_WORK REQUEST_: Only these lines of the data below are wanted: the one with "world=origin(), true_north=direction((0.0, 1.0)))", the one with "frame((0.0, 0.0, 37.2)))", and any lines between them, each repeated exactly.

_PROVIDED RECORDS_:
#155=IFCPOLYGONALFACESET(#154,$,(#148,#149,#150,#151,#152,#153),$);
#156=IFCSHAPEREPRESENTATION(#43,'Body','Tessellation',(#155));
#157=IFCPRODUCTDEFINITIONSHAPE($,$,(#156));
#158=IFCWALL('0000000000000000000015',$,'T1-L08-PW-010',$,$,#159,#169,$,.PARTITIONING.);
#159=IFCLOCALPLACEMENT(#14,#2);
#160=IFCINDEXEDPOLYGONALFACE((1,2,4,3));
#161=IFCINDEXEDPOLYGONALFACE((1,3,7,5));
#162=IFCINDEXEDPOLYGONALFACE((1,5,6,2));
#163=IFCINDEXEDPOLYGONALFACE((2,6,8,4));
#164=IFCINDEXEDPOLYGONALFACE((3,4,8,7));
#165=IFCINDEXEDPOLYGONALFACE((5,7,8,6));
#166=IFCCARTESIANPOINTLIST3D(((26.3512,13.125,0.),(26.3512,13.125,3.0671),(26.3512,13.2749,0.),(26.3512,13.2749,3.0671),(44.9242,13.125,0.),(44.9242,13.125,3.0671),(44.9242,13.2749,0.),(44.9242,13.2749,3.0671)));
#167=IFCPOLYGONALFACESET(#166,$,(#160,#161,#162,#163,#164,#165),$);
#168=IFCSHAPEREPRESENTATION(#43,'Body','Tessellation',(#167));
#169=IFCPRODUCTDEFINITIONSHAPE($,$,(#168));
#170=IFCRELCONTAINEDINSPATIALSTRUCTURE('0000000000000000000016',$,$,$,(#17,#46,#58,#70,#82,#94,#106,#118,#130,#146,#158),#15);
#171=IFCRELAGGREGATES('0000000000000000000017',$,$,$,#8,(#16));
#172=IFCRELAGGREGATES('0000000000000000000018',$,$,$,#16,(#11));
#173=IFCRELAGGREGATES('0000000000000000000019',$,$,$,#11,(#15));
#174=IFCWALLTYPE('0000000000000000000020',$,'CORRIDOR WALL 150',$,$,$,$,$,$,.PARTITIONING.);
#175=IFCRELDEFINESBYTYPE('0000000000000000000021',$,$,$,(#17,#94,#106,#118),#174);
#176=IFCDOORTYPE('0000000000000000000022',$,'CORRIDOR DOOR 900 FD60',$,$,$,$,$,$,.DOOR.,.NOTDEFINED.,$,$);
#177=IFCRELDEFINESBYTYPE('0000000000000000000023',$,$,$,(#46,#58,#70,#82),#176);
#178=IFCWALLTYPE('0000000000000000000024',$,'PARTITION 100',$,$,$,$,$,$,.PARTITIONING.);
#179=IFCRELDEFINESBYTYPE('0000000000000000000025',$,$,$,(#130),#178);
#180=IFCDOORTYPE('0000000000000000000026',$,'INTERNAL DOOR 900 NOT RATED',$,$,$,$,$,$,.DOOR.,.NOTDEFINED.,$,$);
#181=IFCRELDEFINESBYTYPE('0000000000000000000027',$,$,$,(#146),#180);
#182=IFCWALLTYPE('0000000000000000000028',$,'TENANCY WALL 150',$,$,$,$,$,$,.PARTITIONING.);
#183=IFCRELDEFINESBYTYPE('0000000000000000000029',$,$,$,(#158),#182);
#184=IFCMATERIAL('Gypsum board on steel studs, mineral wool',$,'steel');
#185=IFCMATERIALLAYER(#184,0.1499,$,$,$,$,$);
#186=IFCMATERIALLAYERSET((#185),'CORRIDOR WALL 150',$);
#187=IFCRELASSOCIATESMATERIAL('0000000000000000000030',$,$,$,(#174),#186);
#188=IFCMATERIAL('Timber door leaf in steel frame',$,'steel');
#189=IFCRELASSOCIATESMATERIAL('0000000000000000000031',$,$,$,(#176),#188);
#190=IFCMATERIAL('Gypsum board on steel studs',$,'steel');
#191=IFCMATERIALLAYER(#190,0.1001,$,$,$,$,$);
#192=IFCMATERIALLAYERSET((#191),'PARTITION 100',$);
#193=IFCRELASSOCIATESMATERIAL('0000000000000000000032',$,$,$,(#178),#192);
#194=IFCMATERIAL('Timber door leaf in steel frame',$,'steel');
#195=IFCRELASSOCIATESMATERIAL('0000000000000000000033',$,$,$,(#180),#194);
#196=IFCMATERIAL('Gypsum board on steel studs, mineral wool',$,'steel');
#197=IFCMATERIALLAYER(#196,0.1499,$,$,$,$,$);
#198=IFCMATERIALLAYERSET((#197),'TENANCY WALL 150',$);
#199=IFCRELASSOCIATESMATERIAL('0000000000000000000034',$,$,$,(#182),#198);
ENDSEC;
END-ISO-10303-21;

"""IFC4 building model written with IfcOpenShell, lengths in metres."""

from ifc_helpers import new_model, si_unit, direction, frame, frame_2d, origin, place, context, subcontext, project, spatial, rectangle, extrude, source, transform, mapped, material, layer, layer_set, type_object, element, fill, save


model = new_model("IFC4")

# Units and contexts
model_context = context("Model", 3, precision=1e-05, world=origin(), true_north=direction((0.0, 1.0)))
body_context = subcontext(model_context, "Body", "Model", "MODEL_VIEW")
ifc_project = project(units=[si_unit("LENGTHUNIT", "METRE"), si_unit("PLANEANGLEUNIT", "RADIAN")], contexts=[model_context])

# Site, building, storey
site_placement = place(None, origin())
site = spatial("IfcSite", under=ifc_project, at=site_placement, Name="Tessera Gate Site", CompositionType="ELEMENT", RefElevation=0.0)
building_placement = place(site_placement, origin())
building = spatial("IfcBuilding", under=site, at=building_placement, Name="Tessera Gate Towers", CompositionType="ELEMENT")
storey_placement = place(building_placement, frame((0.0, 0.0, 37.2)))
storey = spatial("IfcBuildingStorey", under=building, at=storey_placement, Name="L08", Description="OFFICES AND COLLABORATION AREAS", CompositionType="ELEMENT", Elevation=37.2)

_YOUR RESPONSE_:
model_context = context("Model", 3, precision=1e-05, world=origin(), true_north=direction((0.0, 1.0)))
body_context = subcontext(model_context, "Body", "Model", "MODEL_VIEW")
ifc_project = project(units=[si_unit("LENGTHUNIT", "METRE"), si_unit("PLANEANGLEUNIT", "RADIAN")], contexts=[model_context])

# Site, building, storey
site_placement = place(None, origin())
site = spatial("IfcSite", under=ifc_project, at=site_placement, Name="Tessera Gate Site", CompositionType="ELEMENT", RefElevation=0.0)
building_placement = place(site_placement, origin())
building = spatial("IfcBuilding", under=site, at=building_placement, Name="Tessera Gate Towers", CompositionType="ELEMENT")
storey_placement = place(building_placement, frame((0.0, 0.0, 37.2)))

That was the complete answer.